▶ _DATA SHOWN_
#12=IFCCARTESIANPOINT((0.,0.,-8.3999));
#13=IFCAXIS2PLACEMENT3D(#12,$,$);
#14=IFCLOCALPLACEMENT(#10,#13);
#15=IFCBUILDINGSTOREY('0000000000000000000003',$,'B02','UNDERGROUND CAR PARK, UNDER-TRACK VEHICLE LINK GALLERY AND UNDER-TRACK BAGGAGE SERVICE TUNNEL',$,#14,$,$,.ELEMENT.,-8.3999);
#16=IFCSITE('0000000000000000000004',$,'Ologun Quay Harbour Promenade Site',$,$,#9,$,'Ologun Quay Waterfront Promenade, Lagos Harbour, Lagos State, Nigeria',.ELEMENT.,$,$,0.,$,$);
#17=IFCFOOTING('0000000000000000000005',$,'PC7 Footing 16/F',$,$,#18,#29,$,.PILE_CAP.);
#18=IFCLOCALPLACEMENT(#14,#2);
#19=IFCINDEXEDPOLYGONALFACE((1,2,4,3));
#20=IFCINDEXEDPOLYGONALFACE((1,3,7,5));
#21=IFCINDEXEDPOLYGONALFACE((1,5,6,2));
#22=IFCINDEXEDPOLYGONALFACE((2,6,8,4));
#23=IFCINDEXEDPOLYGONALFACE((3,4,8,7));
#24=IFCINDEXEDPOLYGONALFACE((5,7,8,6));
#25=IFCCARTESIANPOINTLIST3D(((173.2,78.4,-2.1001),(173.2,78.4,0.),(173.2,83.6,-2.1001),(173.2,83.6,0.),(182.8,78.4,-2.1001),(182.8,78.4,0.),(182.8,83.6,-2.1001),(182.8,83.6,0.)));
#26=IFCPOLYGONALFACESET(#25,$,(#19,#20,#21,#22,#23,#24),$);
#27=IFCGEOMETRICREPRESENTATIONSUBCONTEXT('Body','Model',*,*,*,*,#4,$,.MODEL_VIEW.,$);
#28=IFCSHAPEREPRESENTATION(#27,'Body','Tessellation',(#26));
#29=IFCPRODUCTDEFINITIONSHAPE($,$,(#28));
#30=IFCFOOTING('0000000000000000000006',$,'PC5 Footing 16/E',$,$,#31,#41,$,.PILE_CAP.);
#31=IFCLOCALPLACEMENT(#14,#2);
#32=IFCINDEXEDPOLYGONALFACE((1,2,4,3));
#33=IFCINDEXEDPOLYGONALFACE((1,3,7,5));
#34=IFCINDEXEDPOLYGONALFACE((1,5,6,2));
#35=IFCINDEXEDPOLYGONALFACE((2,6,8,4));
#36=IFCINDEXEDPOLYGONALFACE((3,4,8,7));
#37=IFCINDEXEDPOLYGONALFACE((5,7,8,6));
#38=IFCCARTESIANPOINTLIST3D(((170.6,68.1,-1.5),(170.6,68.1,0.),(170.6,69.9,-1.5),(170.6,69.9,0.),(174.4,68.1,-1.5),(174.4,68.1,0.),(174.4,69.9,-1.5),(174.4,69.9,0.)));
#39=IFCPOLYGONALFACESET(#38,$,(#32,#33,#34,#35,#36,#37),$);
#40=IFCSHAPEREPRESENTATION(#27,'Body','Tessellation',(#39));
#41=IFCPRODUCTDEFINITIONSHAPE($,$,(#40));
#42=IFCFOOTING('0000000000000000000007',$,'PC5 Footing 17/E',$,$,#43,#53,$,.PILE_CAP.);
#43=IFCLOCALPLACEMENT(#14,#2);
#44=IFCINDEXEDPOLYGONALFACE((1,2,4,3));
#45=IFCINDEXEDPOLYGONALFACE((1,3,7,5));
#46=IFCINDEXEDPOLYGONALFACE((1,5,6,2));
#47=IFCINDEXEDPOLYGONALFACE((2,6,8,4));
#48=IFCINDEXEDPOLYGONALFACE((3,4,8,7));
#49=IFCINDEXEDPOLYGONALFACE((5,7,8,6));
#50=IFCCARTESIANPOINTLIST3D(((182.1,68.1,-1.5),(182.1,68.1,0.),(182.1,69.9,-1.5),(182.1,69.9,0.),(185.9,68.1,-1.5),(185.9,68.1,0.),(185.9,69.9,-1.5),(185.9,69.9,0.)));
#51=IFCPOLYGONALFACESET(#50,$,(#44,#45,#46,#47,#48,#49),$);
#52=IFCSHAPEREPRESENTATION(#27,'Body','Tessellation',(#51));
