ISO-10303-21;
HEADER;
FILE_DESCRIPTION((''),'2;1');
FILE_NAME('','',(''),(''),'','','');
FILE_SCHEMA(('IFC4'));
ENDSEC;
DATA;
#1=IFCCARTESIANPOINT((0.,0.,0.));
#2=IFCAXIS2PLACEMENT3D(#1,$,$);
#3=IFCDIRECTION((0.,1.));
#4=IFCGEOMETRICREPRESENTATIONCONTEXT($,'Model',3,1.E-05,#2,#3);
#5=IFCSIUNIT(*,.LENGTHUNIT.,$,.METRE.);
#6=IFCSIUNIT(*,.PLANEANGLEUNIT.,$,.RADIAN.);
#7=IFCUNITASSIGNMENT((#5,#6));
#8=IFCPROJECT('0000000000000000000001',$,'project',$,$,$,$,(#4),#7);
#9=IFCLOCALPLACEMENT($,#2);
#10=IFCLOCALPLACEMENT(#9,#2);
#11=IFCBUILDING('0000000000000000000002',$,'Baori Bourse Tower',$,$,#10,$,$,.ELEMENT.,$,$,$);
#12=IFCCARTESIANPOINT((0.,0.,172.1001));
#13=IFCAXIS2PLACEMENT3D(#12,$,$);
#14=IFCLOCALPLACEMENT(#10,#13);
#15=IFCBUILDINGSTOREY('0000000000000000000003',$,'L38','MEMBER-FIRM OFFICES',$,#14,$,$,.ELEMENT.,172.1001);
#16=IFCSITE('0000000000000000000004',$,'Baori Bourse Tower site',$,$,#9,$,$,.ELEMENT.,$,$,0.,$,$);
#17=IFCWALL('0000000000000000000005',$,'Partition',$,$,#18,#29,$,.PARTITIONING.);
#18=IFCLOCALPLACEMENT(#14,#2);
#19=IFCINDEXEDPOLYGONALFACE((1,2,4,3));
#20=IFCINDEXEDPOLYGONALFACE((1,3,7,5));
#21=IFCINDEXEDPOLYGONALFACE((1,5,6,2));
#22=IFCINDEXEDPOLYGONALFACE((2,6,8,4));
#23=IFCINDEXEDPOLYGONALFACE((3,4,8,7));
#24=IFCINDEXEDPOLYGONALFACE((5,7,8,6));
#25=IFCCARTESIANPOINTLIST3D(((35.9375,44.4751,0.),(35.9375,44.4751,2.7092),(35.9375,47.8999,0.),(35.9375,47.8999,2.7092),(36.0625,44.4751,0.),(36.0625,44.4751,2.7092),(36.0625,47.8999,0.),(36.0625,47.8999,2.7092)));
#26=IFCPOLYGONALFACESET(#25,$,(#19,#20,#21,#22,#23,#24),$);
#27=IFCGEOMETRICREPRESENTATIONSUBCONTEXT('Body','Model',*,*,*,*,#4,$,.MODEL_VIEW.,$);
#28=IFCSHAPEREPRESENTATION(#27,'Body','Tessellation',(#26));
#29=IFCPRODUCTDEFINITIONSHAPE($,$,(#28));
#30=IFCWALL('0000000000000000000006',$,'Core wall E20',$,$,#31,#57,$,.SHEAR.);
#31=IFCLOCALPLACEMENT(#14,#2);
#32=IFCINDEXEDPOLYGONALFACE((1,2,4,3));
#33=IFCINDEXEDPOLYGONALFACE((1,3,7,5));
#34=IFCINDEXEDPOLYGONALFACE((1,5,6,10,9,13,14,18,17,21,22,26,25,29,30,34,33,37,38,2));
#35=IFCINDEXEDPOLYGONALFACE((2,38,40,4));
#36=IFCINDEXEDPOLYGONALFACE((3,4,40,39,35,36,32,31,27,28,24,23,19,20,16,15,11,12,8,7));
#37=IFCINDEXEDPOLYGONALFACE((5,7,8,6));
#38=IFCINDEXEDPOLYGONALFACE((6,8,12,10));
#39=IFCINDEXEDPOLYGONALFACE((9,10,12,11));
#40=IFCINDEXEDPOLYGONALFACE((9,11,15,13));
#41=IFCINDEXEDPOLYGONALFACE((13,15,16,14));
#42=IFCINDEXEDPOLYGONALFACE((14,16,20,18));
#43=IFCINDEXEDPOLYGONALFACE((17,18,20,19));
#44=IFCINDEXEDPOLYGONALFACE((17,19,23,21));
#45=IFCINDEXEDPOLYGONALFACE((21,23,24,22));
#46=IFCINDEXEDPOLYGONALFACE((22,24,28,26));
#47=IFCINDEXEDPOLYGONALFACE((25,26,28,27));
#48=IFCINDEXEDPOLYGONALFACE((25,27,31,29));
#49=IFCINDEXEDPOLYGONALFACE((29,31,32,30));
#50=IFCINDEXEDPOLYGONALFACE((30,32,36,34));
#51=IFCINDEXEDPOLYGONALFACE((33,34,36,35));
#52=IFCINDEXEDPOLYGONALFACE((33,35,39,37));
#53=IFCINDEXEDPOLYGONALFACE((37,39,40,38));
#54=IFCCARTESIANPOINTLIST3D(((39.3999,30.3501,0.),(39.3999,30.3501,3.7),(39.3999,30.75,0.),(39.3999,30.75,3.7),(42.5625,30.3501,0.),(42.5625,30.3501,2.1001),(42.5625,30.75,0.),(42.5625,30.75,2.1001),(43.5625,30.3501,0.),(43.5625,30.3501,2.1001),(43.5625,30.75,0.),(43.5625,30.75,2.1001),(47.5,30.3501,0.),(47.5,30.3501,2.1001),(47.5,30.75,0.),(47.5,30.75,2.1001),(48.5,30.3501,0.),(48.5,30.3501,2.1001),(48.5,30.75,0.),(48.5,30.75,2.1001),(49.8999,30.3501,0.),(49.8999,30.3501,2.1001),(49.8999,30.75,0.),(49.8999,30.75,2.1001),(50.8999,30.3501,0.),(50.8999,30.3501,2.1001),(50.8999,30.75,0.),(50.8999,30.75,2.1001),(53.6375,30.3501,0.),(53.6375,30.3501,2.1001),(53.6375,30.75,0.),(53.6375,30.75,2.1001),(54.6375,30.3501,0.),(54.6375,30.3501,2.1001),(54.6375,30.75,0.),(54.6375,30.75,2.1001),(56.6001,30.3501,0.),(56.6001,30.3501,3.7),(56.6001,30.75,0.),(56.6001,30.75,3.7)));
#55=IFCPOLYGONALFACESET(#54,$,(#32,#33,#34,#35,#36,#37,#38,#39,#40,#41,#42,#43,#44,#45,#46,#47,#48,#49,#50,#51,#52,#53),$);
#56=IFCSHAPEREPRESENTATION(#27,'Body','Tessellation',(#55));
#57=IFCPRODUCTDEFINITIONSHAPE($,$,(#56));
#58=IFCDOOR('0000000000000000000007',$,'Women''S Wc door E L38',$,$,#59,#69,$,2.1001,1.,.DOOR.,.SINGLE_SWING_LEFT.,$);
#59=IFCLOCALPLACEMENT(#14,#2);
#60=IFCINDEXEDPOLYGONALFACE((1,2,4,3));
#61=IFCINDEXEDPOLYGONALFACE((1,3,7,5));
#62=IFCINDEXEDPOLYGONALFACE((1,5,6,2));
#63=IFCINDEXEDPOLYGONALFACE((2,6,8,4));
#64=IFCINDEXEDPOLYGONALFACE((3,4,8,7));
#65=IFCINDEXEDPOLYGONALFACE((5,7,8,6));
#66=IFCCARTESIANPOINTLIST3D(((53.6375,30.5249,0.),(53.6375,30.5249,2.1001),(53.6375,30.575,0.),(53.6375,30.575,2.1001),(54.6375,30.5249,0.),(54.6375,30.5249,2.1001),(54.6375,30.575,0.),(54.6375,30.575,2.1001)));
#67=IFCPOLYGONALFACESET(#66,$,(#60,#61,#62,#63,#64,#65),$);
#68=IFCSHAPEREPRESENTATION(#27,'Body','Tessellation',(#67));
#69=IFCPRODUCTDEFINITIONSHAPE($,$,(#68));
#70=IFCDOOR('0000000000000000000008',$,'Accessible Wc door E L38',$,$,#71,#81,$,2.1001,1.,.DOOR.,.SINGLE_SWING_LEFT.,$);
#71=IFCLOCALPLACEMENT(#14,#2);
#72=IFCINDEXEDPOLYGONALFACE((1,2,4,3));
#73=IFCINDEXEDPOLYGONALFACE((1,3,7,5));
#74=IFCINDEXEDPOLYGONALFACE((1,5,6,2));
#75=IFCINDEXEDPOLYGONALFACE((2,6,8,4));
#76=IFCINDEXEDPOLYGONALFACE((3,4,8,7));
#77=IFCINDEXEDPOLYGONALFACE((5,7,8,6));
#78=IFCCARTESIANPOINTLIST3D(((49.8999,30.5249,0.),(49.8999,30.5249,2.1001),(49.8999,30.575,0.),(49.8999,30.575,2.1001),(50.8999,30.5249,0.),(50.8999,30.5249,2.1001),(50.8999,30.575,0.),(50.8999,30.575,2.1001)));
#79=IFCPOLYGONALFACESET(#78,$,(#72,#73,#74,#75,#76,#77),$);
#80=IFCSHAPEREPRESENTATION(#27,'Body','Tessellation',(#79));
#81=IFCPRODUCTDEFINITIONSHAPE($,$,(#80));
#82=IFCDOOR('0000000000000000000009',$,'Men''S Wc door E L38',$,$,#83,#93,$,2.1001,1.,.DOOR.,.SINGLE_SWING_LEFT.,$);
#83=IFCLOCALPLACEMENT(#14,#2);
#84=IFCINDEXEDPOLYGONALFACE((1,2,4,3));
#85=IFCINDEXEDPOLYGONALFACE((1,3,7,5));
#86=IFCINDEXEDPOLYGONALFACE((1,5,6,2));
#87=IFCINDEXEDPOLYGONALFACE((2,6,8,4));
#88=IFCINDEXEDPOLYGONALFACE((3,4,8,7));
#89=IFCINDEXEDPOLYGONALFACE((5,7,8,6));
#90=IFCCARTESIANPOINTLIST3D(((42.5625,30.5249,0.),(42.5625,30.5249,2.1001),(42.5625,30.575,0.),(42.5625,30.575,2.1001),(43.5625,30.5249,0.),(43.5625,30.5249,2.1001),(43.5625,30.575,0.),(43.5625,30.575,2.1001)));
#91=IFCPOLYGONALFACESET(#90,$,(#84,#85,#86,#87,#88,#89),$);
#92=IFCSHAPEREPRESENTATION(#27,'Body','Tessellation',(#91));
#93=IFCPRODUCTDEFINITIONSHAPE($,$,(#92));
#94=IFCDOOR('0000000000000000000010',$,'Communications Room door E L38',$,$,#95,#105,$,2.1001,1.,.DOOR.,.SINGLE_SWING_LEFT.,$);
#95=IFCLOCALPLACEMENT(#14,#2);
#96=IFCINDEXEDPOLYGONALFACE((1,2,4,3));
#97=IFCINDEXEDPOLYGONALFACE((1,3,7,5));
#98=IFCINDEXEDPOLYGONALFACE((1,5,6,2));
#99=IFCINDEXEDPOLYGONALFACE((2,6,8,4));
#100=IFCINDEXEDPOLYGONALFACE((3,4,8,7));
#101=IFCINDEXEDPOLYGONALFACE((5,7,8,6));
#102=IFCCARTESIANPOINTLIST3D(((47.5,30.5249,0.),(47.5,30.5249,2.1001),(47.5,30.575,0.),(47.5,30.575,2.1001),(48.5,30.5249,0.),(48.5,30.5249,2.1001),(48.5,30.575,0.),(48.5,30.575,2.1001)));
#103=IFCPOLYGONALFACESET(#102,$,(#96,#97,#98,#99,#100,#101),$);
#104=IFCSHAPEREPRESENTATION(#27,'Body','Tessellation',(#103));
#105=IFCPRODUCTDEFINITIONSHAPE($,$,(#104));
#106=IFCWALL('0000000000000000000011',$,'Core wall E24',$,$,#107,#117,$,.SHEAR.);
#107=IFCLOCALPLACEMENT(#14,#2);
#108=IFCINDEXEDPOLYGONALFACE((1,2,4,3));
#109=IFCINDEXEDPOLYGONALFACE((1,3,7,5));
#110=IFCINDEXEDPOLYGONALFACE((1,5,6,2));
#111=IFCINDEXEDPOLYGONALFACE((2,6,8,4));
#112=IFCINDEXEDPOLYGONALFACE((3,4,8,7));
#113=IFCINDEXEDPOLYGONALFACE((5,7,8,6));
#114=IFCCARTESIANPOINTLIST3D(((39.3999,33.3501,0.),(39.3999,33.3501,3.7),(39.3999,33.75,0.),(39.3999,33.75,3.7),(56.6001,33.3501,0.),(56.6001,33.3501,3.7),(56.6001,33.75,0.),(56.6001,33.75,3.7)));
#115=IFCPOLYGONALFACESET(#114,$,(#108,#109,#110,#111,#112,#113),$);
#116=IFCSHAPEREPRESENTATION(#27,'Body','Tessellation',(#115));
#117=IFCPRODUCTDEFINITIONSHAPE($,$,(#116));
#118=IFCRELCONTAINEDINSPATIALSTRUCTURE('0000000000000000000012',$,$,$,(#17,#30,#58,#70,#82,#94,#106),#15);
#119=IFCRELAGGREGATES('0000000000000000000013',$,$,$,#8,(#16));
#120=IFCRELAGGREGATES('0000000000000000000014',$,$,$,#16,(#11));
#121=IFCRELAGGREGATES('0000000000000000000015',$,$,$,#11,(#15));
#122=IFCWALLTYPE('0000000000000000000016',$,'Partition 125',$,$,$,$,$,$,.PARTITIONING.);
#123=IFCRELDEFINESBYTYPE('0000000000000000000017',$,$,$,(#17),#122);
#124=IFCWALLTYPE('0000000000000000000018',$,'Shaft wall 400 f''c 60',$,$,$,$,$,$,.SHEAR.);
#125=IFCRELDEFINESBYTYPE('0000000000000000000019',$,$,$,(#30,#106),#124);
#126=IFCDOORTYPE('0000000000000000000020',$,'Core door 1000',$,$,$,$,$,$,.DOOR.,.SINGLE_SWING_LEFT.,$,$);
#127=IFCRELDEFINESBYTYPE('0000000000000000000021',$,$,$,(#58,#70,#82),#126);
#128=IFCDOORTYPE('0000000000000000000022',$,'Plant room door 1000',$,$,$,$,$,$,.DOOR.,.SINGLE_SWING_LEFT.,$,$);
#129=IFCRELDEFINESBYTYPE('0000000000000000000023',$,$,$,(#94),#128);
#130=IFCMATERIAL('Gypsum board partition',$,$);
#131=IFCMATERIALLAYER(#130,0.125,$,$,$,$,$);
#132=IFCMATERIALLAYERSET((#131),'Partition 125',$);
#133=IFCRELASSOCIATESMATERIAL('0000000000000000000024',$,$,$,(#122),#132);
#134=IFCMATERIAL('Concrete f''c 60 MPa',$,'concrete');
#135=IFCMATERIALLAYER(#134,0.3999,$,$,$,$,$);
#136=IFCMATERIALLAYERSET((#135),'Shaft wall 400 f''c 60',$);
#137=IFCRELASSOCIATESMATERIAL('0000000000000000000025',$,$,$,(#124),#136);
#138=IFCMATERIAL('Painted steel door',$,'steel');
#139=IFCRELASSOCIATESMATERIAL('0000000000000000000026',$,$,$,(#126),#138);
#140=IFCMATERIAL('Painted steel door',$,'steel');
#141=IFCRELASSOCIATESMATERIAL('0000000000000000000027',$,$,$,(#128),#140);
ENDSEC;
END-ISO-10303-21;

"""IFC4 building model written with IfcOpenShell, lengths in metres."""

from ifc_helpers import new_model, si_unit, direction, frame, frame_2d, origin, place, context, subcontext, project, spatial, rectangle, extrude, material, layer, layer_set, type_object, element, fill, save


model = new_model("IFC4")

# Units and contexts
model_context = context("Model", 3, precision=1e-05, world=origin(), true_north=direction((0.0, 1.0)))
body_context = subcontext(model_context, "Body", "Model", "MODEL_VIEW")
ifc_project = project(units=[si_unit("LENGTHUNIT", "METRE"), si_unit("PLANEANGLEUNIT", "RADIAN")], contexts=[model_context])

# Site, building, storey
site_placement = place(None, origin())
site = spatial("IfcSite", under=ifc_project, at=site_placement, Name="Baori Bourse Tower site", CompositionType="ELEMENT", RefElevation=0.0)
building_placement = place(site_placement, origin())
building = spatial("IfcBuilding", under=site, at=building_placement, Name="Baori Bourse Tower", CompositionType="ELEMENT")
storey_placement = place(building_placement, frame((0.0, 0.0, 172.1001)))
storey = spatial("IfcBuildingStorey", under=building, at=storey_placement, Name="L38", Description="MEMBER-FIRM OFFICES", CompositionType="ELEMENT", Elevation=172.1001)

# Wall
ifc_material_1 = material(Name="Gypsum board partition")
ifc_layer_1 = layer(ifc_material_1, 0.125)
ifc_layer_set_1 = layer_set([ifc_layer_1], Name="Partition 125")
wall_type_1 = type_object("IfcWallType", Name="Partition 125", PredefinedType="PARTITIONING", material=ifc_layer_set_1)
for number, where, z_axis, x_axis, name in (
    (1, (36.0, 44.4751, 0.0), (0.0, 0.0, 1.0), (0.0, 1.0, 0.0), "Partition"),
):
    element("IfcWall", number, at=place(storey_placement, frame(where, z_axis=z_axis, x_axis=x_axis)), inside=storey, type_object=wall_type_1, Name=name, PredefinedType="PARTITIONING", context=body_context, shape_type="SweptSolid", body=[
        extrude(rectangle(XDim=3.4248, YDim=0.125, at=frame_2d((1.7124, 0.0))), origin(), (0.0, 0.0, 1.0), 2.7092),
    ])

▶ _YOUR GOAL_
Extract the lines of the preceding material that run from the line with "#77=IFCINDEXEDPOLYGONALFACE((5,7,8,6));" through the line with "#91=IFCPOLYGONALFACESET(#90,$,(#84,#85,#86,#87,#88,#89),$);", inclusive, reproducing them exactly and adding nothing.

▶ _EXPECTED ANSWER_
#77=IFCINDEXEDPOLYGONALFACE((5,7,8,6));
#78=IFCCARTESIANPOINTLIST3D(((49.8999,30.5249,0.),(49.8999,30.5249,2.1001),(49.8999,30.575,0.),(49.8999,30.575,2.1001),(50.8999,30.5249,0.),(50.8999,30.5249,2.1001),(50.8999,30.575,0.),(50.8999,30.575,2.1001)));
#79=IFCPOLYGONALFACESET(#78,$,(#72,#73,#74,#75,#76,#77),$);
#80=IFCSHAPEREPRESENTATION(#27,'Body','Tessellation',(#79));
#81=IFCPRODUCTDEFINITIONSHAPE($,$,(#80));
#82=IFCDOOR('0000000000000000000009',$,'Men''S Wc door E L38',$,$,#83,#93,$,2.1001,1.,.DOOR.,.SINGLE_SWING_LEFT.,$);
#83=IFCLOCALPLACEMENT(#14,#2);
#84=IFCINDEXEDPOLYGONALFACE((1,2,4,3));
#85=IFCINDEXEDPOLYGONALFACE((1,3,7,5));
#86=IFCINDEXEDPOLYGONALFACE((1,5,6,2));
#87=IFCINDEXEDPOLYGONALFACE((2,6,8,4));
#88=IFCINDEXEDPOLYGONALFACE((3,4,8,7));
#89=IFCINDEXEDPOLYGONALFACE((5,7,8,6));
#90=IFCCARTESIANPOINTLIST3D(((42.5625,30.5249,0.),(42.5625,30.5249,2.1001),(42.5625,30.575,0.),(42.5625,30.575,2.1001),(43.5625,30.5249,0.),(43.5625,30.5249,2.1001),(43.5625,30.575,0.),(43.5625,30.575,2.1001)));
#91=IFCPOLYGONALFACESET(#90,$,(#84,#85,#86,#87,#88,#89),$);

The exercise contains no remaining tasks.